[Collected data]
——————————

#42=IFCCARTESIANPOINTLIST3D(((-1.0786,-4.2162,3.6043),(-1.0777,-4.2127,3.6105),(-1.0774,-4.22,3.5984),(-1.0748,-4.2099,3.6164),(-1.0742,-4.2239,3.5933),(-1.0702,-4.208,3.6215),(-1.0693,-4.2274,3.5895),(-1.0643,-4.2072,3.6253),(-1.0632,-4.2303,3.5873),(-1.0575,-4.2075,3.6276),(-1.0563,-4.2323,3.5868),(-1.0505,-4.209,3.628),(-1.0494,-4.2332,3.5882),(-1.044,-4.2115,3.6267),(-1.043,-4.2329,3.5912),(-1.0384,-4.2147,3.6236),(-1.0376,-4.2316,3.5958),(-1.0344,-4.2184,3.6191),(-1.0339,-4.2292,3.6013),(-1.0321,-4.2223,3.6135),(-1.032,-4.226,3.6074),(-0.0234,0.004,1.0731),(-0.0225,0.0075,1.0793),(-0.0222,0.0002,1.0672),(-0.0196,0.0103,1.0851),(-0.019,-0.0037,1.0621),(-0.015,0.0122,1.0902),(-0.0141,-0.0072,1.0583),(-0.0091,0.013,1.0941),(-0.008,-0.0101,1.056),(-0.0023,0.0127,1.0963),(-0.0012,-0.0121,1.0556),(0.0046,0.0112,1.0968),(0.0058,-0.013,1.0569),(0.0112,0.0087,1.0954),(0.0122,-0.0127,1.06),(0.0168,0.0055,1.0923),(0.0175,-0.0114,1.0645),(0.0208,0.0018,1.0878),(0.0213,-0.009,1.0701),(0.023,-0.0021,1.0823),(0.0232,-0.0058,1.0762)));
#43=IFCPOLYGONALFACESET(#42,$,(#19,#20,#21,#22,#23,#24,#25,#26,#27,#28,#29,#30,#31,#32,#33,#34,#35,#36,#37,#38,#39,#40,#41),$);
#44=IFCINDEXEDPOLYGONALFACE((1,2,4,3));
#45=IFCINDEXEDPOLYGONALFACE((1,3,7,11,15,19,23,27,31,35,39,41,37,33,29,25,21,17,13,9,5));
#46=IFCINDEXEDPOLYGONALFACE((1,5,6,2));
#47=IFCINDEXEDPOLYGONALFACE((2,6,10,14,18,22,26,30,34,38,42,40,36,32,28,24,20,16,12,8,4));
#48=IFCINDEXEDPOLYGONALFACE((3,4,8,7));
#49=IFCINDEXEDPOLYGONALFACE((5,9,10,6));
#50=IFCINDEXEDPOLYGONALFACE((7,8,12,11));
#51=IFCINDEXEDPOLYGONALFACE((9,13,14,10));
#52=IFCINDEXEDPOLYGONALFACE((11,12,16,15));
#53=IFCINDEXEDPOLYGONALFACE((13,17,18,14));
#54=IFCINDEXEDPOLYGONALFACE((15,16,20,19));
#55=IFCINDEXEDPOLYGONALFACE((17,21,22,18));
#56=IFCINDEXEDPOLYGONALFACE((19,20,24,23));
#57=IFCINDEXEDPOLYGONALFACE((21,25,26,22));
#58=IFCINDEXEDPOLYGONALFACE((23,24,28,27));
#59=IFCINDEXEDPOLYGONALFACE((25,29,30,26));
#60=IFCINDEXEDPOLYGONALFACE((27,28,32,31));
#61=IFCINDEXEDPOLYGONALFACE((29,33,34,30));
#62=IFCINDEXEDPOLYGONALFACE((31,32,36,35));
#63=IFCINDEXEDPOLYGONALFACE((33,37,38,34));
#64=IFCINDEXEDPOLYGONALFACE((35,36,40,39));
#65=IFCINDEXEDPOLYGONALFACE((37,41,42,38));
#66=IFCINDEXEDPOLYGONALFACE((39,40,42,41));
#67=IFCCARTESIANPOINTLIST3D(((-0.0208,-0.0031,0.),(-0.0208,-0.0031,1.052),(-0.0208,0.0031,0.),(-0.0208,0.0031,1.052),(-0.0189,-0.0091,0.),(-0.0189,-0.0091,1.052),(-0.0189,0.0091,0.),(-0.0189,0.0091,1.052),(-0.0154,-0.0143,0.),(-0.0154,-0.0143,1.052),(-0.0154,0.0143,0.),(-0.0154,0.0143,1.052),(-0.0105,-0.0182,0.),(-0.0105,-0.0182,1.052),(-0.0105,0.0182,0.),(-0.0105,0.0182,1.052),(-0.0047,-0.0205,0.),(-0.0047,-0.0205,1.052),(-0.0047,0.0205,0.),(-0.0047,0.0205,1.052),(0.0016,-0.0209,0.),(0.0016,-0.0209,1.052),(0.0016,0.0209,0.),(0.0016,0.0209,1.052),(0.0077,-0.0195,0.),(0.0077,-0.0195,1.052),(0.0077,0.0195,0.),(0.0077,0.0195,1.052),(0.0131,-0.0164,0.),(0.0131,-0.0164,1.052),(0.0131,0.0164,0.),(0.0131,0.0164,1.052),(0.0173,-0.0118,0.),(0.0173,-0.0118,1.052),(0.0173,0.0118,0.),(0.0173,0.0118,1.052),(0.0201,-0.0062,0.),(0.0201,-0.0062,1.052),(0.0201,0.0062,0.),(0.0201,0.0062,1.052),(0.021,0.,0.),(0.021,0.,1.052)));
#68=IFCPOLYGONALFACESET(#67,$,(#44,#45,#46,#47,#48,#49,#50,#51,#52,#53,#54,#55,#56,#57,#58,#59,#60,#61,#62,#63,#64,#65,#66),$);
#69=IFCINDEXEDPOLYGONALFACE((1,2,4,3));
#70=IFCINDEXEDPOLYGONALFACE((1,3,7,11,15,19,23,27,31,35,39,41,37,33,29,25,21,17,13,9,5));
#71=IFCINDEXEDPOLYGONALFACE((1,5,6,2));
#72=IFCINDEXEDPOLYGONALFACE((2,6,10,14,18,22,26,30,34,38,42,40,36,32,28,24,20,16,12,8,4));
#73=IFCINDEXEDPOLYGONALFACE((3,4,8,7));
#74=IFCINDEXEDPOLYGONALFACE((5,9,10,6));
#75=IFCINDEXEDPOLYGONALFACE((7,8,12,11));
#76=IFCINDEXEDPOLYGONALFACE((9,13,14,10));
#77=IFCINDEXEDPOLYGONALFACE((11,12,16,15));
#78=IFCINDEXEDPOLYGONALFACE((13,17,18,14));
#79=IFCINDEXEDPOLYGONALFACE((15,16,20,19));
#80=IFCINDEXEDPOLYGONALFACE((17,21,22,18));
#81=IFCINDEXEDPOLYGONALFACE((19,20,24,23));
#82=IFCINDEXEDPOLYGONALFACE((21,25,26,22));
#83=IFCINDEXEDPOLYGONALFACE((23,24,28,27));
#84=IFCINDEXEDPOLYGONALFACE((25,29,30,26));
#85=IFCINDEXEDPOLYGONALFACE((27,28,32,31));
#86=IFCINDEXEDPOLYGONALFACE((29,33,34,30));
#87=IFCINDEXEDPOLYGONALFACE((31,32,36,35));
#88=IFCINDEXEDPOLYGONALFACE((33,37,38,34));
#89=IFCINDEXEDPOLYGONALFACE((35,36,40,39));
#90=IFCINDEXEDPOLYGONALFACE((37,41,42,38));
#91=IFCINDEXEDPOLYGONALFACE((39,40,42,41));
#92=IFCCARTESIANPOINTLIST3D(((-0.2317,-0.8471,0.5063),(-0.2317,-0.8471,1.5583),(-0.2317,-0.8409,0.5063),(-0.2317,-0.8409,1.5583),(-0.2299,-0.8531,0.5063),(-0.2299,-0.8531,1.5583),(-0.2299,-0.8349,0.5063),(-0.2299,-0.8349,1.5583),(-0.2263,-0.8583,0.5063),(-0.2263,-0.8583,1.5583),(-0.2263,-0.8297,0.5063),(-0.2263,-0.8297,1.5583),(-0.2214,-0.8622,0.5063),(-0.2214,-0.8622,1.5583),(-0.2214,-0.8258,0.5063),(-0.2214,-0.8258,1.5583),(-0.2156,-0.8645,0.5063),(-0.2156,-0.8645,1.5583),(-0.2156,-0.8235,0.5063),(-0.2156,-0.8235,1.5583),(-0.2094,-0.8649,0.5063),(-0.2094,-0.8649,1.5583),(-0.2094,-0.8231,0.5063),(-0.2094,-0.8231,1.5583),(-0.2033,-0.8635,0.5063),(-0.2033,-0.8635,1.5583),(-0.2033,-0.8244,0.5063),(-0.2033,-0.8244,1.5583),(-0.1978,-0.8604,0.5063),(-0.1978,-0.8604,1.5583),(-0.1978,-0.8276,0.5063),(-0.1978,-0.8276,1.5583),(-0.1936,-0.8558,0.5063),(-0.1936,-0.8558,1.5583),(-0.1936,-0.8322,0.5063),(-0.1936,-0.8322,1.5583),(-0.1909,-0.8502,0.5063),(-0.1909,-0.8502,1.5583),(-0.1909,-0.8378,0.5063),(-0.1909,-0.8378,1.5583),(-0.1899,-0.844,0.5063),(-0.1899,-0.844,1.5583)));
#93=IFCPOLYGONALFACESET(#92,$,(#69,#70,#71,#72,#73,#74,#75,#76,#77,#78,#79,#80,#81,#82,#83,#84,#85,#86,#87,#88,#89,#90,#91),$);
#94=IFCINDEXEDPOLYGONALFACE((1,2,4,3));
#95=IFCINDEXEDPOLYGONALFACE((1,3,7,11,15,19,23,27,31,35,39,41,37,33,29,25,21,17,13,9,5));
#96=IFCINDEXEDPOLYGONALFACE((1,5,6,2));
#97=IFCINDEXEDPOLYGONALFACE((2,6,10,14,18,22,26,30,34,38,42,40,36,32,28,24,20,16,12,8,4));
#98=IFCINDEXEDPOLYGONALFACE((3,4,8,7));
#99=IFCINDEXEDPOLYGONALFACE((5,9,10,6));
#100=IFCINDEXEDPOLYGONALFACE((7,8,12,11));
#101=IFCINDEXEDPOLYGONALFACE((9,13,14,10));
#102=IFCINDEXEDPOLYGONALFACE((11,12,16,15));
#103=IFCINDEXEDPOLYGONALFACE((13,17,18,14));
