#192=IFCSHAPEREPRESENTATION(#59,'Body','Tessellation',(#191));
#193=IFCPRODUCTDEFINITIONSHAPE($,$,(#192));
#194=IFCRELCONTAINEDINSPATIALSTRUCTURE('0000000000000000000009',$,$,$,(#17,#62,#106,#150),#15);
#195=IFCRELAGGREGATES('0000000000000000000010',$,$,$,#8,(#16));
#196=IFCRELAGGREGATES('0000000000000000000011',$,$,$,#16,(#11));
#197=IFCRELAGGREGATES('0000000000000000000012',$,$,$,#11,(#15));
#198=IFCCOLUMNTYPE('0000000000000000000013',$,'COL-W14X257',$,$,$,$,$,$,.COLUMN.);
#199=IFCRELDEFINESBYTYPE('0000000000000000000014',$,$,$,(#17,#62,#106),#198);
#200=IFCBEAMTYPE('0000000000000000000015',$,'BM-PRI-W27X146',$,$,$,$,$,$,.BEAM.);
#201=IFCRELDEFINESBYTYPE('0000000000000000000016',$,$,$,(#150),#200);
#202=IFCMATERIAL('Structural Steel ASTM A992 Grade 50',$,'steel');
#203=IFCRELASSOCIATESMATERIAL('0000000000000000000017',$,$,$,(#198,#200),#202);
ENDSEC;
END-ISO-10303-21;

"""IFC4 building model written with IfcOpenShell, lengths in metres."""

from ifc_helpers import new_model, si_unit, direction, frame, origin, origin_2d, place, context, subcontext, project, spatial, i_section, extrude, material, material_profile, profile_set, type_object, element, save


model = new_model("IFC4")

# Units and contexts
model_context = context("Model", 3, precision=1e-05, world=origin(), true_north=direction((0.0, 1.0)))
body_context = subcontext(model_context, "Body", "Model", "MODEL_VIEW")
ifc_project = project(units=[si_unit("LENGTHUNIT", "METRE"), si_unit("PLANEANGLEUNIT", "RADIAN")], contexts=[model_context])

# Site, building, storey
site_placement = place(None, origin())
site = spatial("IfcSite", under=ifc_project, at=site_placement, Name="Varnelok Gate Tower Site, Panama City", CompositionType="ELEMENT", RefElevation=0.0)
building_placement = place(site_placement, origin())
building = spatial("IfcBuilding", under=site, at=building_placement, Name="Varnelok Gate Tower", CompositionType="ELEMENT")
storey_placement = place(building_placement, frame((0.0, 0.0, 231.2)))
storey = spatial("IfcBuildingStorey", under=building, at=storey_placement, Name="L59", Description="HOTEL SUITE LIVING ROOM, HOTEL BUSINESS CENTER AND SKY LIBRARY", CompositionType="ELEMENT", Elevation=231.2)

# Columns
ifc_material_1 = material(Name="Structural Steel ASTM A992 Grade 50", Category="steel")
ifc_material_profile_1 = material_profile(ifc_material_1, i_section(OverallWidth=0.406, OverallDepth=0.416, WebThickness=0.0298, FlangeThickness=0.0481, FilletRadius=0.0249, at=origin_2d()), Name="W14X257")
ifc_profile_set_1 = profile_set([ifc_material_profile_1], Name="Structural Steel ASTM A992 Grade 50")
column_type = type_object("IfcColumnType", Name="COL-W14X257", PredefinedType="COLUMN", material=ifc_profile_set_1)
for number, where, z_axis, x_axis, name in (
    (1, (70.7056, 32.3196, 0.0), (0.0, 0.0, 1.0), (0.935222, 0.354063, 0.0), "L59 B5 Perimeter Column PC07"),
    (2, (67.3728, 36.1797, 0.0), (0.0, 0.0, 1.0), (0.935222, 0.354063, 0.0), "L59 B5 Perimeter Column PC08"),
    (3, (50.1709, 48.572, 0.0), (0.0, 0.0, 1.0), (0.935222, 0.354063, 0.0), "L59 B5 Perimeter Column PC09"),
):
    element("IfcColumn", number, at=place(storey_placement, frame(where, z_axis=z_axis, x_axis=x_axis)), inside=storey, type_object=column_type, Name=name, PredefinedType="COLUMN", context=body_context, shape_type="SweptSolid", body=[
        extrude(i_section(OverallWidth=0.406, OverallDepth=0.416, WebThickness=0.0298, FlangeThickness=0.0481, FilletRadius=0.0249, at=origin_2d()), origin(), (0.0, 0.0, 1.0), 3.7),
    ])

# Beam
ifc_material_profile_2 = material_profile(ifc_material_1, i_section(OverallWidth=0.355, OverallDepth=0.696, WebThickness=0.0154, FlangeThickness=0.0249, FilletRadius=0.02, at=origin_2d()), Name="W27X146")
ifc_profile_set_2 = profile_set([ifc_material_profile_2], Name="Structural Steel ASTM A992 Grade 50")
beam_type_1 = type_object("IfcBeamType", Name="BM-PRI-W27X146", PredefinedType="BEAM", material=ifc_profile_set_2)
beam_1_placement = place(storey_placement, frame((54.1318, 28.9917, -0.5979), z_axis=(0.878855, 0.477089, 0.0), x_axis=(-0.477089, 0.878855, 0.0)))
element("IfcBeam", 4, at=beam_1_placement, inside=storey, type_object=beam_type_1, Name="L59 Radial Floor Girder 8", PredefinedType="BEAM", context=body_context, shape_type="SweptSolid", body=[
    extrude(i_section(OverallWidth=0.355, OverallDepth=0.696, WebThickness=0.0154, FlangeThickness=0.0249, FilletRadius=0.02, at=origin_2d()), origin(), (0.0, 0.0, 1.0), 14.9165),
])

——————————

Exercise details: Scan the preceding records for lines with the word "WebThickness". Say how many there are and nothing else.

Answer section: 4